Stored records
* * * * *

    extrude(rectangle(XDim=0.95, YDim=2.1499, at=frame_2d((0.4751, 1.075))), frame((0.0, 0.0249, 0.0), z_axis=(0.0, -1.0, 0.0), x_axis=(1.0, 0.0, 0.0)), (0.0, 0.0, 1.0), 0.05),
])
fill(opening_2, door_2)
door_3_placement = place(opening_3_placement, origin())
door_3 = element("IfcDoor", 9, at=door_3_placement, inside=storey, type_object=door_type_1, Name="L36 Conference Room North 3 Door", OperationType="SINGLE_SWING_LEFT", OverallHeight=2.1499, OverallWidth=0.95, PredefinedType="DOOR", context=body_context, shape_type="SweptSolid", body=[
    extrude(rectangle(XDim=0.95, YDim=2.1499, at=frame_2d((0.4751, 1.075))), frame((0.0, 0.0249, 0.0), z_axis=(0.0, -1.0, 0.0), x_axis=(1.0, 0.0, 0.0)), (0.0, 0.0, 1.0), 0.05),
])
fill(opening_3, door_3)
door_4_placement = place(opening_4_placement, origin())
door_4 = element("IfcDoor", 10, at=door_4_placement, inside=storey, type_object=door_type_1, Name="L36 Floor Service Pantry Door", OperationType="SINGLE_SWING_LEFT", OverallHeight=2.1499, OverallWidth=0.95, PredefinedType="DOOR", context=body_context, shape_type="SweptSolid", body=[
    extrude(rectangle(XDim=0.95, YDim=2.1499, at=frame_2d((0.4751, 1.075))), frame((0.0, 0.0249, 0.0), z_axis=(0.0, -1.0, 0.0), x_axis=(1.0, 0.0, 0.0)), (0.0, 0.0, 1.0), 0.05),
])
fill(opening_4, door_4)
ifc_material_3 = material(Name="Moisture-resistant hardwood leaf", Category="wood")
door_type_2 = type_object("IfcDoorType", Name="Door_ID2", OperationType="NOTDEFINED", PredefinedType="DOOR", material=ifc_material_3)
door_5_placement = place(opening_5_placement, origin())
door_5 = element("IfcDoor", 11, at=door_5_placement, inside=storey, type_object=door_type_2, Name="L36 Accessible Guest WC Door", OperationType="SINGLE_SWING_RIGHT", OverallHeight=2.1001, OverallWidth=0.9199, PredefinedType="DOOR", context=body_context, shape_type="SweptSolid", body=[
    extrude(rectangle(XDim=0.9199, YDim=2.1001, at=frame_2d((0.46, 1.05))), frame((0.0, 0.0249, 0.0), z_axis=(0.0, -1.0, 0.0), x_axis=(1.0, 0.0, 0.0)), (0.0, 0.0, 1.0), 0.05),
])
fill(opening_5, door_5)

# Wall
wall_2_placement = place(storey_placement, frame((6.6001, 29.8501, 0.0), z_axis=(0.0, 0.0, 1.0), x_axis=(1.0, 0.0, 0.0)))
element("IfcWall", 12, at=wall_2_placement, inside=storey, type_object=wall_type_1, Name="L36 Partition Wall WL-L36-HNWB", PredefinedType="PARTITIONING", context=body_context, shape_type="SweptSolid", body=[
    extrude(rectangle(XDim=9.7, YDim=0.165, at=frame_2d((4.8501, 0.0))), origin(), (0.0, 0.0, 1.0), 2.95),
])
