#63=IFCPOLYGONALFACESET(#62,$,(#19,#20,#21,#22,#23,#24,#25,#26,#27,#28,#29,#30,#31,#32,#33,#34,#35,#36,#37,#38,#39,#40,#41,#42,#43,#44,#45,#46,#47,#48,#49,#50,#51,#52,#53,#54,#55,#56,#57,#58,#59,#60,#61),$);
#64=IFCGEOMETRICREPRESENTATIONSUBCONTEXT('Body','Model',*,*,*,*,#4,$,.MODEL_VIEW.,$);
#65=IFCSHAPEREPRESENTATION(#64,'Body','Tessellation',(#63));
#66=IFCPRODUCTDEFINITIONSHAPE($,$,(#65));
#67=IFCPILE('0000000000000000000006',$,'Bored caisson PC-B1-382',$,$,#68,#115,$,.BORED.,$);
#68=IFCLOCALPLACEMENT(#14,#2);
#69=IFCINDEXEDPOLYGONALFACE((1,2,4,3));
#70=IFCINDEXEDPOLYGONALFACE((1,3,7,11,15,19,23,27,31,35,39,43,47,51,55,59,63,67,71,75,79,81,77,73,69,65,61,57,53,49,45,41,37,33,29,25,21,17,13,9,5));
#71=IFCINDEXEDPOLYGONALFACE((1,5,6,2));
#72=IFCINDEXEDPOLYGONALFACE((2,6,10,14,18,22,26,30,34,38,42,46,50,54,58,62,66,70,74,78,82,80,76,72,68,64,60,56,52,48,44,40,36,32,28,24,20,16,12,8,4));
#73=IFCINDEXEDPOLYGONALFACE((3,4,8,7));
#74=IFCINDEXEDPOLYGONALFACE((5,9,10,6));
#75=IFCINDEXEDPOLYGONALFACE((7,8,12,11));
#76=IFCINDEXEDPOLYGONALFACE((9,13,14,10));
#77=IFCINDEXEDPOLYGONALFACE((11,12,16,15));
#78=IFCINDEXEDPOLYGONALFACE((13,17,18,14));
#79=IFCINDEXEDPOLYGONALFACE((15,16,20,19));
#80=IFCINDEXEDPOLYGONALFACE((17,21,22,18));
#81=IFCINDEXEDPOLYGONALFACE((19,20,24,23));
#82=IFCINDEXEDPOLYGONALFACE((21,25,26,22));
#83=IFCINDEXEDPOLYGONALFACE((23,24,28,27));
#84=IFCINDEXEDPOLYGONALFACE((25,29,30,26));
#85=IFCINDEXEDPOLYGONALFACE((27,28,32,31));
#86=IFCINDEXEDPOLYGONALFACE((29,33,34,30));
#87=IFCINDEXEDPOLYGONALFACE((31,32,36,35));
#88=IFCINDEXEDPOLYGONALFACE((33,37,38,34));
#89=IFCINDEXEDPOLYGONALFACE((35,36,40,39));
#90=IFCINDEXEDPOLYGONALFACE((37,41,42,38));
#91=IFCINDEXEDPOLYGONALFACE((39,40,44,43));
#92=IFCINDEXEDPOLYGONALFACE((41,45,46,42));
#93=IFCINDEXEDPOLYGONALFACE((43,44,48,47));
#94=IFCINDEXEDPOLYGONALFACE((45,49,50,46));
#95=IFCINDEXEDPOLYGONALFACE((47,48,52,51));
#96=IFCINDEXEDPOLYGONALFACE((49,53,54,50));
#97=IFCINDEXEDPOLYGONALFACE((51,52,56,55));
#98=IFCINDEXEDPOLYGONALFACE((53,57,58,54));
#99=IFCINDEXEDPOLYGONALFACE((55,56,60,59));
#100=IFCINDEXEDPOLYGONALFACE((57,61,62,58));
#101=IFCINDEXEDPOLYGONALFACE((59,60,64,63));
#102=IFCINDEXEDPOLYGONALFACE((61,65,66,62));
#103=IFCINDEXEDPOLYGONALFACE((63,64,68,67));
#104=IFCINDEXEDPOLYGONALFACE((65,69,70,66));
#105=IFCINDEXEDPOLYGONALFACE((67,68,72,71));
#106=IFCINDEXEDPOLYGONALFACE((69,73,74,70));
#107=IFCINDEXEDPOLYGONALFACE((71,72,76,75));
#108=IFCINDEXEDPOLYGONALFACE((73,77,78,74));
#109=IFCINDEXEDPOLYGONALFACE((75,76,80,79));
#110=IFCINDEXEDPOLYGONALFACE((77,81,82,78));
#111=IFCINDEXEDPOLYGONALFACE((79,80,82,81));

* * * * *

-- Your goal --
Out of the data above, return each line where the word "material" can be found.

-- Exercise answer --
ifc_material_3 = material(Name="Moisture-resistant hardwood leaf", Category="wood")
door_type_2 = type_object("IfcDoorType", Name="Door_ID2", OperationType="NOTDEFINED", PredefinedType="DOOR", material=ifc_material_3)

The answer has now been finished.